_Required action_
From the listing below, copy only the lines running from the line that contains "#113=IFCINDEXEDPOLYGONALFACE((9,10,14,13));" to the line that contains "#120=IFCINDEXEDPOLYGONALFACE((23,25,26,24));", both included.

_Task material_
• • • • •

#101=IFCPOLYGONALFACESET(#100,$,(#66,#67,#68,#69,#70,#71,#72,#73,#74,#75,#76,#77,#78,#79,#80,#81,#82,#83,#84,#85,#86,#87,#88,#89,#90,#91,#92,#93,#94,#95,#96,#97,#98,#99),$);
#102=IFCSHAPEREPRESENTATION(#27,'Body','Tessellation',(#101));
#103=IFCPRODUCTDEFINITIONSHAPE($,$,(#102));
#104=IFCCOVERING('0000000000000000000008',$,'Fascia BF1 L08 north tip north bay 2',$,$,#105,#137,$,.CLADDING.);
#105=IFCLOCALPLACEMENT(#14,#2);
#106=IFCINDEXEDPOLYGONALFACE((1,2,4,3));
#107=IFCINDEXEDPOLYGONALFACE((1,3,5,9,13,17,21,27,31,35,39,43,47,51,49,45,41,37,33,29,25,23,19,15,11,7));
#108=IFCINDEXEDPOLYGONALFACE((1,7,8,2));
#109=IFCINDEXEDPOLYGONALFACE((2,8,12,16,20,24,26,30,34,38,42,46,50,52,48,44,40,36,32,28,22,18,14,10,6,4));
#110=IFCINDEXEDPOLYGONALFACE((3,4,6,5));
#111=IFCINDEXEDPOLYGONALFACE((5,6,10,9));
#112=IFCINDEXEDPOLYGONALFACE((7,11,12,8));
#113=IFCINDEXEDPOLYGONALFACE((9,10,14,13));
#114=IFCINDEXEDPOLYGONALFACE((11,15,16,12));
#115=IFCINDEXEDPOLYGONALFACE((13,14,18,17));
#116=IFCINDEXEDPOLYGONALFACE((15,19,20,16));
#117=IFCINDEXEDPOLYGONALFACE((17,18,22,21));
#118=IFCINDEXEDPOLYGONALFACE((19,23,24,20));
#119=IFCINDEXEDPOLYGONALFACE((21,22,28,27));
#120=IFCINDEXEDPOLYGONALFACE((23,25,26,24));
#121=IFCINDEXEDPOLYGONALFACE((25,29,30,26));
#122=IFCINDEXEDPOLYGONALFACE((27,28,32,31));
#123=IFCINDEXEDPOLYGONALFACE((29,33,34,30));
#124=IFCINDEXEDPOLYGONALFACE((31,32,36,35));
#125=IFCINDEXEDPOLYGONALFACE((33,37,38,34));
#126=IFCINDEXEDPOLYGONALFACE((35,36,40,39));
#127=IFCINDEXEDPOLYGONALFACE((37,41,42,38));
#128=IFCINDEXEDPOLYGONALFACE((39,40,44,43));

• • • • •

_Answer to this task_
#113=IFCINDEXEDPOLYGONALFACE((9,10,14,13));
#114=IFCINDEXEDPOLYGONALFACE((11,15,16,12));
#115=IFCINDEXEDPOLYGONALFACE((13,14,18,17));
#116=IFCINDEXEDPOLYGONALFACE((15,19,20,16));
#117=IFCINDEXEDPOLYGONALFACE((17,18,22,21));
#118=IFCINDEXEDPOLYGONALFACE((19,23,24,20));
#119=IFCINDEXEDPOLYGONALFACE((21,22,28,27));
#120=IFCINDEXEDPOLYGONALFACE((23,25,26,24));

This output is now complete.